***** Data to process
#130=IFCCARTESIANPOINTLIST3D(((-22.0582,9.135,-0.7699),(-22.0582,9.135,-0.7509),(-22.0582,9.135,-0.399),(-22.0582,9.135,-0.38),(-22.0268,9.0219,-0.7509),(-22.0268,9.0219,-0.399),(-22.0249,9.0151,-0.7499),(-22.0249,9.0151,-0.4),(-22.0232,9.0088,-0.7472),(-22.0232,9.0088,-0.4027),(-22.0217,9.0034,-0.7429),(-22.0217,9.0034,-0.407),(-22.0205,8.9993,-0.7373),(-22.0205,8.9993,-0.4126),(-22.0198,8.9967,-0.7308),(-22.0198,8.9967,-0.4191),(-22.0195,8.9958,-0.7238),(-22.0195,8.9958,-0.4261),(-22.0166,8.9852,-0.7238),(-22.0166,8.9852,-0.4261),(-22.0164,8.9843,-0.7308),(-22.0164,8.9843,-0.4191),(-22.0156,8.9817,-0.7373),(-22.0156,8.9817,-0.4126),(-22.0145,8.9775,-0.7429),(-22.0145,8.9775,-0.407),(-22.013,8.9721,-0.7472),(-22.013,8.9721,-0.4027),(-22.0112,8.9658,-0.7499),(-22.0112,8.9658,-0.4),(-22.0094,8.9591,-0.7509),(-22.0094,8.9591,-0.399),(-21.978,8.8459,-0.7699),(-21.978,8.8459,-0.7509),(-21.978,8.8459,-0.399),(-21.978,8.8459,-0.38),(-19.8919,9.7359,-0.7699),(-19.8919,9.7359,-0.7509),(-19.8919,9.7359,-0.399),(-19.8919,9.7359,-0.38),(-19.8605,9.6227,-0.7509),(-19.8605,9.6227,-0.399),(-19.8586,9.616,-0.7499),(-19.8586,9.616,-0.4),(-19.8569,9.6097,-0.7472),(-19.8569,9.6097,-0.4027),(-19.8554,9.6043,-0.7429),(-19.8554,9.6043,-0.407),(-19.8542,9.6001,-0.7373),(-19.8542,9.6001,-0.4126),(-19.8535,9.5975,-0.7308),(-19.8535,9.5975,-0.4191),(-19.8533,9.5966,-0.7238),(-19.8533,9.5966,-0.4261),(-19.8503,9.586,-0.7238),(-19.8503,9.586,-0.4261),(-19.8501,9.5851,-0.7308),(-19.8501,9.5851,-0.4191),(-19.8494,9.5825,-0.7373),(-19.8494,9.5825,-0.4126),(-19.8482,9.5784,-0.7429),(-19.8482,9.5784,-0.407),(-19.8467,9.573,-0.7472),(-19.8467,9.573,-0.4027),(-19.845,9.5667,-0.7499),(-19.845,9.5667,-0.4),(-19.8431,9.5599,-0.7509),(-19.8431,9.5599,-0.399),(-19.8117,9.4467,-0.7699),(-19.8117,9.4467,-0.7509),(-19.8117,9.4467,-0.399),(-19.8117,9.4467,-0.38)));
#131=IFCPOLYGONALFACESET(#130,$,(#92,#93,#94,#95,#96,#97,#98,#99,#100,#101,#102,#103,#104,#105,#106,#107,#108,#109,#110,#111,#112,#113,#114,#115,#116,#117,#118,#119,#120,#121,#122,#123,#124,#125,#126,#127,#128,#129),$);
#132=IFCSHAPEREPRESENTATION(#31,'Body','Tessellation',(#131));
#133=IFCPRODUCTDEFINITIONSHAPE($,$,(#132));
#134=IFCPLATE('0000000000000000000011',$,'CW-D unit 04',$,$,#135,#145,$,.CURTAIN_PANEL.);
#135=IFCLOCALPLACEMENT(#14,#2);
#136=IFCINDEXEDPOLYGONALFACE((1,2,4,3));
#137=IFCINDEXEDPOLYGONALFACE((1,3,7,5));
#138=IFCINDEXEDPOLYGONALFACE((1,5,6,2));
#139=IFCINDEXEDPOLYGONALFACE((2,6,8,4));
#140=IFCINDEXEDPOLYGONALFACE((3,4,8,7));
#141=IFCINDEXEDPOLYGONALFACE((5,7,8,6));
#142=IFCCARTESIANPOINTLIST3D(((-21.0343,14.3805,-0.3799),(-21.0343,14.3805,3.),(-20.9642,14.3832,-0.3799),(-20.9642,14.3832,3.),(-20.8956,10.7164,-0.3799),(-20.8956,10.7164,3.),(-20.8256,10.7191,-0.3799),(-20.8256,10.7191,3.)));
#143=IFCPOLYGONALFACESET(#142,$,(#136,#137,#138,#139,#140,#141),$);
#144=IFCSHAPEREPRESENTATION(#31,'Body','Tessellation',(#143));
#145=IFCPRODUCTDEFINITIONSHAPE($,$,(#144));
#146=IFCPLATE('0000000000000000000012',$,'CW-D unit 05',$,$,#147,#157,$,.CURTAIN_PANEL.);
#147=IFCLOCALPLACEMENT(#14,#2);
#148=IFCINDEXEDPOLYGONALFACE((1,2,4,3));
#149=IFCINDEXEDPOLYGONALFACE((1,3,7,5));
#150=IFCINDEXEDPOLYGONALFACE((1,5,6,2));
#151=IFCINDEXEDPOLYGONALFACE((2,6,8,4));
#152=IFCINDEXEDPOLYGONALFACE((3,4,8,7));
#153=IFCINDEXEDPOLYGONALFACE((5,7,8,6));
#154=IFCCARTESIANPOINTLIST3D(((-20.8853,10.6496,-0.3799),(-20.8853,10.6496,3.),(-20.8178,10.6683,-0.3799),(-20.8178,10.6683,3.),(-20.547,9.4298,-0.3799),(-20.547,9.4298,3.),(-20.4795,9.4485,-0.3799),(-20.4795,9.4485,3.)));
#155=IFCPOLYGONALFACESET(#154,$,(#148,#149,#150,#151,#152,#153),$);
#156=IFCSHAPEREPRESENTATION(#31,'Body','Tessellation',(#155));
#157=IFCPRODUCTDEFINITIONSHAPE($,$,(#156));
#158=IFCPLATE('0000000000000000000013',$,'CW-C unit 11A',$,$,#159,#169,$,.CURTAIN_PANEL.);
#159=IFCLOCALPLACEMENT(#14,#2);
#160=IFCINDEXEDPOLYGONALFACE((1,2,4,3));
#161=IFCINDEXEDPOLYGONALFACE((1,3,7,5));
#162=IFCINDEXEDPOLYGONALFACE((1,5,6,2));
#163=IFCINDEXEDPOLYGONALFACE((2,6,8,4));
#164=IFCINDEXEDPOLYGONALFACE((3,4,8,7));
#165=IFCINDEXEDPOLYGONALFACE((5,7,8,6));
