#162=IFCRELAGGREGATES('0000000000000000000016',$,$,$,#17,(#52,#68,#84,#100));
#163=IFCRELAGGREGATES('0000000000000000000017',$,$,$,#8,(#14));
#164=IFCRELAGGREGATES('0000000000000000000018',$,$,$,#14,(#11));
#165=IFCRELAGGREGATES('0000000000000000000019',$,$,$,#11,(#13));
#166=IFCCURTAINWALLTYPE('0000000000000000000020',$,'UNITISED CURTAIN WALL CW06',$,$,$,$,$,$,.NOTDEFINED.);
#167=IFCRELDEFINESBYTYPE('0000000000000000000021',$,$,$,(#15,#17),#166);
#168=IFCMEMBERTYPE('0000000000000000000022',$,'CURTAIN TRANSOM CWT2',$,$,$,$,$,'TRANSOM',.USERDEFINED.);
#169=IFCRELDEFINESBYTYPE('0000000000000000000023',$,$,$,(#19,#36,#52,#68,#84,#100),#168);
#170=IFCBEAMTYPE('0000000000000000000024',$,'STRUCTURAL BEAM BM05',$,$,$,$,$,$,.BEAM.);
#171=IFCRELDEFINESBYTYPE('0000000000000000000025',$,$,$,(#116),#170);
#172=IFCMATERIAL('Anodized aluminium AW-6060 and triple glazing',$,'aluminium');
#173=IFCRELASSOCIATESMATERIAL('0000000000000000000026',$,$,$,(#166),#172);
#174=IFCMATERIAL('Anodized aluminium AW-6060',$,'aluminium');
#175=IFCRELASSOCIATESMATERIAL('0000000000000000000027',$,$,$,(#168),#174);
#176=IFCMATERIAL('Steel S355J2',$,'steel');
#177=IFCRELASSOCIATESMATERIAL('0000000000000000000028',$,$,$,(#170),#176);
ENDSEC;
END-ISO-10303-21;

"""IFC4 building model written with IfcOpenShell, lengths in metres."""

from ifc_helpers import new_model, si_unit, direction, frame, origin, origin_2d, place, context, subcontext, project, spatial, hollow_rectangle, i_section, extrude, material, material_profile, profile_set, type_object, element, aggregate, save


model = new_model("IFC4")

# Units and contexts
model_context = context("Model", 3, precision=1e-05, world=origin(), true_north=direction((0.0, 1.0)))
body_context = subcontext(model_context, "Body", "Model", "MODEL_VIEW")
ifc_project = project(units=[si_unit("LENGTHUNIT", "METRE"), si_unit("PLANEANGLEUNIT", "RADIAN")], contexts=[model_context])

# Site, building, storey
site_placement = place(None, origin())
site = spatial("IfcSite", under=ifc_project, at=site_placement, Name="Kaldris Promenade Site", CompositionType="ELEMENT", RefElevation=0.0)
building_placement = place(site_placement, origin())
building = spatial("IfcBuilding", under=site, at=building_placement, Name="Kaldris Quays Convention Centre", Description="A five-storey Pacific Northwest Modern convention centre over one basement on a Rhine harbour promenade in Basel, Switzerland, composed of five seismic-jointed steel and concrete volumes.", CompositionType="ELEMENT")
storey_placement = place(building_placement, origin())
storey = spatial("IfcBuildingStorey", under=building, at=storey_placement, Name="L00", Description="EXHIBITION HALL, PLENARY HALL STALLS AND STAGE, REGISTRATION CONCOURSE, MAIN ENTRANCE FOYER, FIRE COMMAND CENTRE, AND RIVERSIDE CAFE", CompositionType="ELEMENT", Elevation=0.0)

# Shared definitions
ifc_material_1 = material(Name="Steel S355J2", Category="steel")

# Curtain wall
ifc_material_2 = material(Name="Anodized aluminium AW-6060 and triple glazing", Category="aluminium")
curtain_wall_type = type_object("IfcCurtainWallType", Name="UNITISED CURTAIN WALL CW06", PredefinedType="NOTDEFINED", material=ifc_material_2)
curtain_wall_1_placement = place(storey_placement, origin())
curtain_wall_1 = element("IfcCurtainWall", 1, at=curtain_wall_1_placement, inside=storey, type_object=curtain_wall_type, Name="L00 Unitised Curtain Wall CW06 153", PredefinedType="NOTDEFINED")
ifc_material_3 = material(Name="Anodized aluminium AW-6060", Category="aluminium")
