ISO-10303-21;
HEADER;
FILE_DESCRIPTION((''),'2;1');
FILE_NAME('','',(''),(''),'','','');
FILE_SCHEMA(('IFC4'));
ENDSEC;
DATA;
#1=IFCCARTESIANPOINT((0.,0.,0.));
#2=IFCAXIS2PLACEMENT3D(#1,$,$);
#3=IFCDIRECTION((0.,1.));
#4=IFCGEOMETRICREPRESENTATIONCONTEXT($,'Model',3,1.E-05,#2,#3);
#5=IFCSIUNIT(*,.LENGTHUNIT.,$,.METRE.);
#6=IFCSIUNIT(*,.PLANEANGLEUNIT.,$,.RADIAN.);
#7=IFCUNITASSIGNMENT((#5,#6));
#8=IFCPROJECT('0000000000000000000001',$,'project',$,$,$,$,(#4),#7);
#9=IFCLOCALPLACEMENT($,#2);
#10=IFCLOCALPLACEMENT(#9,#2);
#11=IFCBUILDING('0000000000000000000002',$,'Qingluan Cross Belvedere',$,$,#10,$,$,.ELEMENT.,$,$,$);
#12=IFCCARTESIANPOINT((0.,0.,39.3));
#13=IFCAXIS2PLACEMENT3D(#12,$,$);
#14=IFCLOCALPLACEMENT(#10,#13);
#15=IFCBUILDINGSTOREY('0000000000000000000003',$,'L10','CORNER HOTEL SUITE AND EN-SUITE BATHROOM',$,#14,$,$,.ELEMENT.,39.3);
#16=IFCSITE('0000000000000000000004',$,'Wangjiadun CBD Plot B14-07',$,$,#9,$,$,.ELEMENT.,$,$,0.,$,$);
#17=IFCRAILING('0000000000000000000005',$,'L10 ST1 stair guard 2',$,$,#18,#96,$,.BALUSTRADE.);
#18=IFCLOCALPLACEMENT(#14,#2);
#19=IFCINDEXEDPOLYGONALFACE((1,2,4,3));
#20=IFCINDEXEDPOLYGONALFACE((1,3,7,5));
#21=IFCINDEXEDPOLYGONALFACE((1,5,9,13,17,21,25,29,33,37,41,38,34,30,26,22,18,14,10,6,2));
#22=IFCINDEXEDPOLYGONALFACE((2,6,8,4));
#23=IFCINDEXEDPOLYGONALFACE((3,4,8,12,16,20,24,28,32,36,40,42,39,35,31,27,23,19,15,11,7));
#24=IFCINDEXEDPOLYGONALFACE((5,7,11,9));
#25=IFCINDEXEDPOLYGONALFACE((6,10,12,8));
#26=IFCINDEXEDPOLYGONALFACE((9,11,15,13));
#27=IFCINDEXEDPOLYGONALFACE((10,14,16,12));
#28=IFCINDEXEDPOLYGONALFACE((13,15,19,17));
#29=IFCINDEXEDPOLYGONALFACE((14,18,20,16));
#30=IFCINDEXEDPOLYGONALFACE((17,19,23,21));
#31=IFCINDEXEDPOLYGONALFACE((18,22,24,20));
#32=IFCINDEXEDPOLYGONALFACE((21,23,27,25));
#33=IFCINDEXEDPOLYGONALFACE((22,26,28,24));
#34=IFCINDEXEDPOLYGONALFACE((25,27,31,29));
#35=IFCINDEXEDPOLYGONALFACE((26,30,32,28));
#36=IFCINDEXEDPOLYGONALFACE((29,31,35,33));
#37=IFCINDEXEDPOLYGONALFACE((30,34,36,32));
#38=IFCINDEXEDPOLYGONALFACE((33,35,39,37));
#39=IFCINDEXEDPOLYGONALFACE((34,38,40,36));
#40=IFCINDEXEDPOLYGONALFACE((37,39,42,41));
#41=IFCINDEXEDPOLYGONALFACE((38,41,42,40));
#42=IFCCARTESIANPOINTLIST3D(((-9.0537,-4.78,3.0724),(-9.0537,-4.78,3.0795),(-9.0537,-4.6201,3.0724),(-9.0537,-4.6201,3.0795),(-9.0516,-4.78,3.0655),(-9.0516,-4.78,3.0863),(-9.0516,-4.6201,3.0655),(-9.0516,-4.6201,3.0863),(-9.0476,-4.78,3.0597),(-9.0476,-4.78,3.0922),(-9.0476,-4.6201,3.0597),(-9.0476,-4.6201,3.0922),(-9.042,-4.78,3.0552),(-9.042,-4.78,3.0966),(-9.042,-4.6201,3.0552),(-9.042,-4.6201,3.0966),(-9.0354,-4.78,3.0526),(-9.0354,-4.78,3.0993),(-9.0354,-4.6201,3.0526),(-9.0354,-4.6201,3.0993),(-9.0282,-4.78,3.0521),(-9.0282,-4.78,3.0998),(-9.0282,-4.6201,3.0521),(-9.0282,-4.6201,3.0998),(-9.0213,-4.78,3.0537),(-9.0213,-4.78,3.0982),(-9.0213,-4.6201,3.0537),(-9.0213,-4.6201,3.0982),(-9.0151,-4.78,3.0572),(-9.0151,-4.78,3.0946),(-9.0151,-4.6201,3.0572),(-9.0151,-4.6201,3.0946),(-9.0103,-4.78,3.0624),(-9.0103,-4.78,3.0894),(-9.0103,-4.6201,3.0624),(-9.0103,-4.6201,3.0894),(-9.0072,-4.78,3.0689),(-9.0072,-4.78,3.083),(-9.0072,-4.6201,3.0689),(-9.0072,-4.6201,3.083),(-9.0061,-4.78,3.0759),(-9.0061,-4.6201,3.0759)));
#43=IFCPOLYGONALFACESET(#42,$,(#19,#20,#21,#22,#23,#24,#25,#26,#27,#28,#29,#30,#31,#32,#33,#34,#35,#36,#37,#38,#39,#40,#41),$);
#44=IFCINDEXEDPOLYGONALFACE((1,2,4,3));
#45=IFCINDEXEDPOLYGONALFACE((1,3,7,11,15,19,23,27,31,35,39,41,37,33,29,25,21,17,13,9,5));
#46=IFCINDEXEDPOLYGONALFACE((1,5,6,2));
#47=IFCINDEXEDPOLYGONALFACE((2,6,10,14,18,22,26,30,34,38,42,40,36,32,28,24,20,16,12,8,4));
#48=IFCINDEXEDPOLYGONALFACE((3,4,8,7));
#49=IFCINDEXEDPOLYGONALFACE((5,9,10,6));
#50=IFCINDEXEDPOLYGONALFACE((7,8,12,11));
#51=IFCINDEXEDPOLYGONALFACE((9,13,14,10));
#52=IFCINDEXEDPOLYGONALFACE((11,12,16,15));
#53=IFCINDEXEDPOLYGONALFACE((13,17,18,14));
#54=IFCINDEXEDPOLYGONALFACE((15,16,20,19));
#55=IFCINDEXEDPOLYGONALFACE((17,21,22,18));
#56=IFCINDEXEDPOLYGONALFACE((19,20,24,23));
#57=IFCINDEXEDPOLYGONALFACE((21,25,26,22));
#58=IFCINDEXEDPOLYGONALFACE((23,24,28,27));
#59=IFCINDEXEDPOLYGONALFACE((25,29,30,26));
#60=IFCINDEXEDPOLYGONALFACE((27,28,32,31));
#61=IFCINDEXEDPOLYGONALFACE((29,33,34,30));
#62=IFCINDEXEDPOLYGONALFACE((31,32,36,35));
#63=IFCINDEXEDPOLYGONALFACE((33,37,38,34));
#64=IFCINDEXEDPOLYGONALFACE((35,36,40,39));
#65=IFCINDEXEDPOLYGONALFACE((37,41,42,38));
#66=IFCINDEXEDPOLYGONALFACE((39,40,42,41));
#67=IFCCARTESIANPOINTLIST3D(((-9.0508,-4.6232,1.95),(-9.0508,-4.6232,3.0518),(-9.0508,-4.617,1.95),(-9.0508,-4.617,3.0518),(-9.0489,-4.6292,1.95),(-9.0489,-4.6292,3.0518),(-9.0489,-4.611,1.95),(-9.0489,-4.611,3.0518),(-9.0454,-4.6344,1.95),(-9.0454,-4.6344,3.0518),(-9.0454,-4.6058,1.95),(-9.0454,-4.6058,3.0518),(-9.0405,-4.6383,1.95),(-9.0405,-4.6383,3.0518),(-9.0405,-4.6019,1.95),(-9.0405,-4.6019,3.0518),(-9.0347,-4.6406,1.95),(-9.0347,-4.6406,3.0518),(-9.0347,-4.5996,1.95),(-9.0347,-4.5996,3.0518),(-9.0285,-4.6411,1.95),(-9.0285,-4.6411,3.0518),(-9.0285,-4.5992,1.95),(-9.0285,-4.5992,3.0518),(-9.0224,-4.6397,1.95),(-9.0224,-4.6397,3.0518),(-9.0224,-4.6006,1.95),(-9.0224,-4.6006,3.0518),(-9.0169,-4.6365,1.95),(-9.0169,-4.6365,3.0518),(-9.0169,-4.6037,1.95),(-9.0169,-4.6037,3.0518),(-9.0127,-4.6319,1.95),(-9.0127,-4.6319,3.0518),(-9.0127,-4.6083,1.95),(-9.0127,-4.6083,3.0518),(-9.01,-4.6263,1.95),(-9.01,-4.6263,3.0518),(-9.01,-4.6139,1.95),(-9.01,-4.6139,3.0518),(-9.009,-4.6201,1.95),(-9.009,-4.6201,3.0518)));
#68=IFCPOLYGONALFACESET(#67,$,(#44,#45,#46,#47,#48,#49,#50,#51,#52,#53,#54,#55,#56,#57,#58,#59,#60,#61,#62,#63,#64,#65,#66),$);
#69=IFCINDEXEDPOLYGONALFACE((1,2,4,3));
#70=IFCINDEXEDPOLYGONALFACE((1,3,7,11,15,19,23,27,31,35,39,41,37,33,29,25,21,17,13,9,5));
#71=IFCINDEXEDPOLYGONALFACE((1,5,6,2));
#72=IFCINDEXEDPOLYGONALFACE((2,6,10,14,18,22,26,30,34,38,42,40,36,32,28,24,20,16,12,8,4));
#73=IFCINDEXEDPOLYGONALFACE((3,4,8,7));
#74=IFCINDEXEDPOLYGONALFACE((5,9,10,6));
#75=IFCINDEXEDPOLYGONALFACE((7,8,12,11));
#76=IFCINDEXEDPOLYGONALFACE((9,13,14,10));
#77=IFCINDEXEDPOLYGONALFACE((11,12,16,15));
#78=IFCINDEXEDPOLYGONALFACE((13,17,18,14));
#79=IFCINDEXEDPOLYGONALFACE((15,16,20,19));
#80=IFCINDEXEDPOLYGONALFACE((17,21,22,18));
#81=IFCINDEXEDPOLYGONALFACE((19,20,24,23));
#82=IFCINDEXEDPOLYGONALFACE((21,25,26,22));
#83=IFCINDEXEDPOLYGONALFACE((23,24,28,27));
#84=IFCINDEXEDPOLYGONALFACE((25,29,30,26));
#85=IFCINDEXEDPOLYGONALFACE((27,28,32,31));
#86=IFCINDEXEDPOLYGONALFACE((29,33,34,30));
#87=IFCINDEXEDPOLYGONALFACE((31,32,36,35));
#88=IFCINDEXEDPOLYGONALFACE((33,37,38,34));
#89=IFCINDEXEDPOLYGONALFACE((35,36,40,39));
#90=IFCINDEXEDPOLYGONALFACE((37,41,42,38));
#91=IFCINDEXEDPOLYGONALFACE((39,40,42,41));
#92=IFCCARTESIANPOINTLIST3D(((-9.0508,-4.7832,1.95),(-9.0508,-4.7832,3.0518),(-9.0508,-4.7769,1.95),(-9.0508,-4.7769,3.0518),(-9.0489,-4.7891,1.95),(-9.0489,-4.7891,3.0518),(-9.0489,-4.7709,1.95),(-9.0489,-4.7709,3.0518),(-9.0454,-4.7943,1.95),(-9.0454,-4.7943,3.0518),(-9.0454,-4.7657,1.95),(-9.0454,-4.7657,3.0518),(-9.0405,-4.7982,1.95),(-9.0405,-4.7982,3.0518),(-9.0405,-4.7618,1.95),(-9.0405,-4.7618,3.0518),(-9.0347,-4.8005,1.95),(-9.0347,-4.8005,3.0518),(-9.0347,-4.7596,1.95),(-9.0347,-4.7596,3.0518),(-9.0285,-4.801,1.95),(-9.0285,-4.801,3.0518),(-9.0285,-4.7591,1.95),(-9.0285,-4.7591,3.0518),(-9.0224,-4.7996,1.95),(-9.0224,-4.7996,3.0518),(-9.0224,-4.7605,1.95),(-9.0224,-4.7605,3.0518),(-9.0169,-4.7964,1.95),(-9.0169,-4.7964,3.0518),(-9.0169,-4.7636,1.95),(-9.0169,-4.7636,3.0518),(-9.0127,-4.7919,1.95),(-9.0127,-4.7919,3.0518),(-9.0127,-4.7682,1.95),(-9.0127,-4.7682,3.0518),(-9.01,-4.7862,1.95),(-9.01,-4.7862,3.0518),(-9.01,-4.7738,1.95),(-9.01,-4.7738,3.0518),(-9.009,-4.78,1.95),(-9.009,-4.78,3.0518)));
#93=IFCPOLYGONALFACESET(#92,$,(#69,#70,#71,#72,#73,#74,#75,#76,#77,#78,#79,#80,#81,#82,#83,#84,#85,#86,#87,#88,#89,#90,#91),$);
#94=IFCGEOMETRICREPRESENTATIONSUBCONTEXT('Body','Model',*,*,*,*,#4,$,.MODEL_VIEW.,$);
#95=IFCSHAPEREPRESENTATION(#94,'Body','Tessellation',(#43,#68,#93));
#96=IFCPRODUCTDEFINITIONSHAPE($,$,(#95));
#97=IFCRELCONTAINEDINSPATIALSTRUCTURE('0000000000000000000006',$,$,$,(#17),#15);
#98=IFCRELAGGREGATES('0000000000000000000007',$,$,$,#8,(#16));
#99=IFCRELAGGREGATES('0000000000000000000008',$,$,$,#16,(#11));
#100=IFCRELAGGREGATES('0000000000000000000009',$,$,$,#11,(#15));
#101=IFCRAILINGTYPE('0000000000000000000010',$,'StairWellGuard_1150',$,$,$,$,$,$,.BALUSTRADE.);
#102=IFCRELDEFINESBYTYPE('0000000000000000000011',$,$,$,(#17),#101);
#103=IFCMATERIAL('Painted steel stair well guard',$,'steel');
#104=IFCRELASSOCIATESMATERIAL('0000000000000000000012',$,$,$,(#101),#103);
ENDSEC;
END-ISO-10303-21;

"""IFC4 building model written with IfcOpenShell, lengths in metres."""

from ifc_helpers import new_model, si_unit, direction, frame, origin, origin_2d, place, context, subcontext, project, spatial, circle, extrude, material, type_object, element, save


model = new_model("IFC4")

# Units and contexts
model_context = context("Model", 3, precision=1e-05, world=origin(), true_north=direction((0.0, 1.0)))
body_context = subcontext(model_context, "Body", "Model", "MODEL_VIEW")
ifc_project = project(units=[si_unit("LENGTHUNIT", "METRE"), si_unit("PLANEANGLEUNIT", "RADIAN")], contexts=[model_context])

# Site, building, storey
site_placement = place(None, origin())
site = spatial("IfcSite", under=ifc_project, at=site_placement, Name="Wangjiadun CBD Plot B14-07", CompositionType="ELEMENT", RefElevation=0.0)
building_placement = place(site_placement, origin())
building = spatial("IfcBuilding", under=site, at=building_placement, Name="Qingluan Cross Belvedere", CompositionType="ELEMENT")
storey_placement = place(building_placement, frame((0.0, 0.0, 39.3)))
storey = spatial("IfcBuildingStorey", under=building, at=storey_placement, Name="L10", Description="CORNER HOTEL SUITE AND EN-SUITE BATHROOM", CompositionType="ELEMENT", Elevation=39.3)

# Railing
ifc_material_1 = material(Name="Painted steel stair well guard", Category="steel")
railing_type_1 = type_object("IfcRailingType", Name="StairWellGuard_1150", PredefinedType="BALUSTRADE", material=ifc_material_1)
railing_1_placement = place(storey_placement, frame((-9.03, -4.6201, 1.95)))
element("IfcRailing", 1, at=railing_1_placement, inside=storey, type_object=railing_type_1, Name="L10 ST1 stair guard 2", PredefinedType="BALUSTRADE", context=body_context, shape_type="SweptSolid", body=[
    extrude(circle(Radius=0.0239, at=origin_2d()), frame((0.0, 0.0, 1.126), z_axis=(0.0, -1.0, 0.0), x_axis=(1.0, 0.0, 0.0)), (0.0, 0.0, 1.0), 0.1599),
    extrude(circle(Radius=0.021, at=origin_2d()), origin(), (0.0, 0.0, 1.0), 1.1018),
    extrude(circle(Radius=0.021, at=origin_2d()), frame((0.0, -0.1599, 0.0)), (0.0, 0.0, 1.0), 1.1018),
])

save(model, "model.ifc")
**********
**Your assignment**
Lines containing the word "IFCPLATE" must be found in the data above and copied.

**Solved exercise**
#134=IFCPLATE('0000000000000000000011',$,'CW-D unit 04',$,$,#135,#145,$,.CURTAIN_PANEL.);
#146=IFCPLATE('0000000000000000000012',$,'CW-D unit 05',$,$,#147,#157,$,.CURTAIN_PANEL.);
#158=IFCPLATE('0000000000000000000013',$,'CW-C unit 11A',$,$,#159,#169,$,.CURTAIN_PANEL.);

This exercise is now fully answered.